Records to process:
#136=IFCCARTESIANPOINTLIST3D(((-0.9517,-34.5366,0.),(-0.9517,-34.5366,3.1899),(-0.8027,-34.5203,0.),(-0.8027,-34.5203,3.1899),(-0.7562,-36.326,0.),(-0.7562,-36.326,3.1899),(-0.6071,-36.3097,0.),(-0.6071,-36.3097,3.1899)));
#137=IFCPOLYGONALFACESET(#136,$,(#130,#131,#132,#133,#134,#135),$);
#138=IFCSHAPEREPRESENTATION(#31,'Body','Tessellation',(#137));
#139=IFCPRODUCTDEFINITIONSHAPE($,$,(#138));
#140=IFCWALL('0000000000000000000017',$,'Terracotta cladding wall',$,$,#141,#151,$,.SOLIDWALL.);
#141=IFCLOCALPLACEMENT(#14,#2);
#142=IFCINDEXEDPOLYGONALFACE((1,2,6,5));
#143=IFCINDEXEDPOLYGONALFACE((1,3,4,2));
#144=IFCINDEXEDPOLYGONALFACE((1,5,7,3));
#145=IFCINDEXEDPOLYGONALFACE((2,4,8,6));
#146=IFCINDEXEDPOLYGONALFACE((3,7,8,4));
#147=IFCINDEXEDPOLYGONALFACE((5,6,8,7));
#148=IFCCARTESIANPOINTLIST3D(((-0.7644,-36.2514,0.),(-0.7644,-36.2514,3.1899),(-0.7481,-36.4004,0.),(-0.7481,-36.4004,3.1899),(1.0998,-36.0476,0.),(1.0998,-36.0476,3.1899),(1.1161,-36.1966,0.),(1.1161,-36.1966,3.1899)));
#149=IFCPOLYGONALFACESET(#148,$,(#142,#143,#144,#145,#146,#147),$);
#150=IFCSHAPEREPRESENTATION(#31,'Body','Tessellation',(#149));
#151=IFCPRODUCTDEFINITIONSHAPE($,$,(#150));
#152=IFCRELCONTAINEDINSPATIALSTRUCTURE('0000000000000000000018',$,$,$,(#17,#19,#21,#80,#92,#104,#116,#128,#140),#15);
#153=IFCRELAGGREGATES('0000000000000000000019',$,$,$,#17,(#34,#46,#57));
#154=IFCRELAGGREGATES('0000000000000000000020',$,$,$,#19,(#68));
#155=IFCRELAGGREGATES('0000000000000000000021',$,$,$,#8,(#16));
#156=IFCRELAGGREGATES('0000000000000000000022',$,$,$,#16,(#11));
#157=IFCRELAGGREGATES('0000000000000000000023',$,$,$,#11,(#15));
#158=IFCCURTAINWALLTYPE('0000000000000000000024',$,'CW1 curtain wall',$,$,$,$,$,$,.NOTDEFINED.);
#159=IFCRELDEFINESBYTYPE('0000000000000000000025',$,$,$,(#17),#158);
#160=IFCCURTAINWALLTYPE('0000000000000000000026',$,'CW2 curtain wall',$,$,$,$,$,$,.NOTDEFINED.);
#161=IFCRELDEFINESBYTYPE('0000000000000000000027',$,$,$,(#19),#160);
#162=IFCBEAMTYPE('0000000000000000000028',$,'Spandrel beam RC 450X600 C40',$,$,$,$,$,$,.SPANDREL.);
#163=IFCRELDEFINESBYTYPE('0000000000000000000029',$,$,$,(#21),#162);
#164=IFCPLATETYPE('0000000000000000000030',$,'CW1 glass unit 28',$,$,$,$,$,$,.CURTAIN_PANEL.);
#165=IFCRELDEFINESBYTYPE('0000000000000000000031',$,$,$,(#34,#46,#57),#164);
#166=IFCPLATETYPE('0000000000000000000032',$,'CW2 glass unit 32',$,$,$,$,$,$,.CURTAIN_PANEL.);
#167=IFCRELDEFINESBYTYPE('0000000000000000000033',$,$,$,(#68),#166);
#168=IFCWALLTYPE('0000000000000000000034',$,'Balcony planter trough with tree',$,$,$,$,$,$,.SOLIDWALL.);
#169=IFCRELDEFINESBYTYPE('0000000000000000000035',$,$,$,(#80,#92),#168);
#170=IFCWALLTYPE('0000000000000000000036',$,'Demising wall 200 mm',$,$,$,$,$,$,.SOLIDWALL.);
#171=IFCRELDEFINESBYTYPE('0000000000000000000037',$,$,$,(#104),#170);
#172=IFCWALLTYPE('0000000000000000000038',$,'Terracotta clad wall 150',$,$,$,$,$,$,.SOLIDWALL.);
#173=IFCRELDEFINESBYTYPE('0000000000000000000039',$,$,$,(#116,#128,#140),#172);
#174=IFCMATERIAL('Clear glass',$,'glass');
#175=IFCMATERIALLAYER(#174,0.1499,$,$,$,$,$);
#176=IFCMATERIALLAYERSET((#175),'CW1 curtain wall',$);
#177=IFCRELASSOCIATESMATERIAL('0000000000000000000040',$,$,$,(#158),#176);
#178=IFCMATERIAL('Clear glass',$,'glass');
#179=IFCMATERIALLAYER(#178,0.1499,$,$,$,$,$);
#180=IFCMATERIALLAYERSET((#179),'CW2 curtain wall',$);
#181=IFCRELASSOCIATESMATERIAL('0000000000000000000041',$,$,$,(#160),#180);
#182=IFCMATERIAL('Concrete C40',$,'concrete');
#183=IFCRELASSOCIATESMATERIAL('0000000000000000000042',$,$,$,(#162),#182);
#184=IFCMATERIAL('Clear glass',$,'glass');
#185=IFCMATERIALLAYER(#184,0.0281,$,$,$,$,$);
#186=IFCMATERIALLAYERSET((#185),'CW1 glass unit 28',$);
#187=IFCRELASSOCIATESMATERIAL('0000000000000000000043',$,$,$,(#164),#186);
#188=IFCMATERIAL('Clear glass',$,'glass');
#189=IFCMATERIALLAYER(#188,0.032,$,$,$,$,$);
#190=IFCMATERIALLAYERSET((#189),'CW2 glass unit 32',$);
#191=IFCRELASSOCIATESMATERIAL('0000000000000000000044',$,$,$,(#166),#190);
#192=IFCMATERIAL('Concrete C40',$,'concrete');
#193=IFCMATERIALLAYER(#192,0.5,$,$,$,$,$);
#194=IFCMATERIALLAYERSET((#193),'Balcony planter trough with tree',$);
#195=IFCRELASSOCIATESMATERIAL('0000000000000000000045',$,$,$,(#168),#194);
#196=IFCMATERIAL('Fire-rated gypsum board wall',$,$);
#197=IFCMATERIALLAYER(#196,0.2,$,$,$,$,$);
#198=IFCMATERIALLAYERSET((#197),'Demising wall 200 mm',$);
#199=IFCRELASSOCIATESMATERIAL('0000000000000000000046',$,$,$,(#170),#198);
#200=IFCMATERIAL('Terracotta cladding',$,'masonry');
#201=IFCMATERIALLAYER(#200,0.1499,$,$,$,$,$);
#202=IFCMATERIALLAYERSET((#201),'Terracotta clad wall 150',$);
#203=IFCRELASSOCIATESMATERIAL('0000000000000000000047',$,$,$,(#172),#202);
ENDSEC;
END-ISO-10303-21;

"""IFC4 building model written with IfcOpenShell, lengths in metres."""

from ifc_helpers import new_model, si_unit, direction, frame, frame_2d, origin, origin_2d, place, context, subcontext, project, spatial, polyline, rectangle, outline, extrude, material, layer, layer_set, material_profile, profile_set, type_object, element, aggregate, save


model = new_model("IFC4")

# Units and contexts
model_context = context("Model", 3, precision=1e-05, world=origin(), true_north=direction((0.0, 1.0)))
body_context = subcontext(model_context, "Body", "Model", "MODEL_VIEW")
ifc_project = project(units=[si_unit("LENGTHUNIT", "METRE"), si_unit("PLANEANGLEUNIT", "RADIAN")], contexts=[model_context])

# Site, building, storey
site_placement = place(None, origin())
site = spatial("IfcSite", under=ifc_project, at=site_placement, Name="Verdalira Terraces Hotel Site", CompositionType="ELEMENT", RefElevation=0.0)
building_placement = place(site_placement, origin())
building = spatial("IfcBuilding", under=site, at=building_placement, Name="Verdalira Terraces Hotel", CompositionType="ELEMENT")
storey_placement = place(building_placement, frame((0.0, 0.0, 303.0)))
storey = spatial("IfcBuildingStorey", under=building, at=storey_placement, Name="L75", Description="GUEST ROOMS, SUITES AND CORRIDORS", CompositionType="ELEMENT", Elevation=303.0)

What this task involves: For each line of the entries that includes "contexts", show that line.

Problem solution:
# Units and contexts
ifc_project = project(units=[si_unit("LENGTHUNIT", "METRE"), si_unit("PLANEANGLEUNIT", "RADIAN")], contexts=[model_context])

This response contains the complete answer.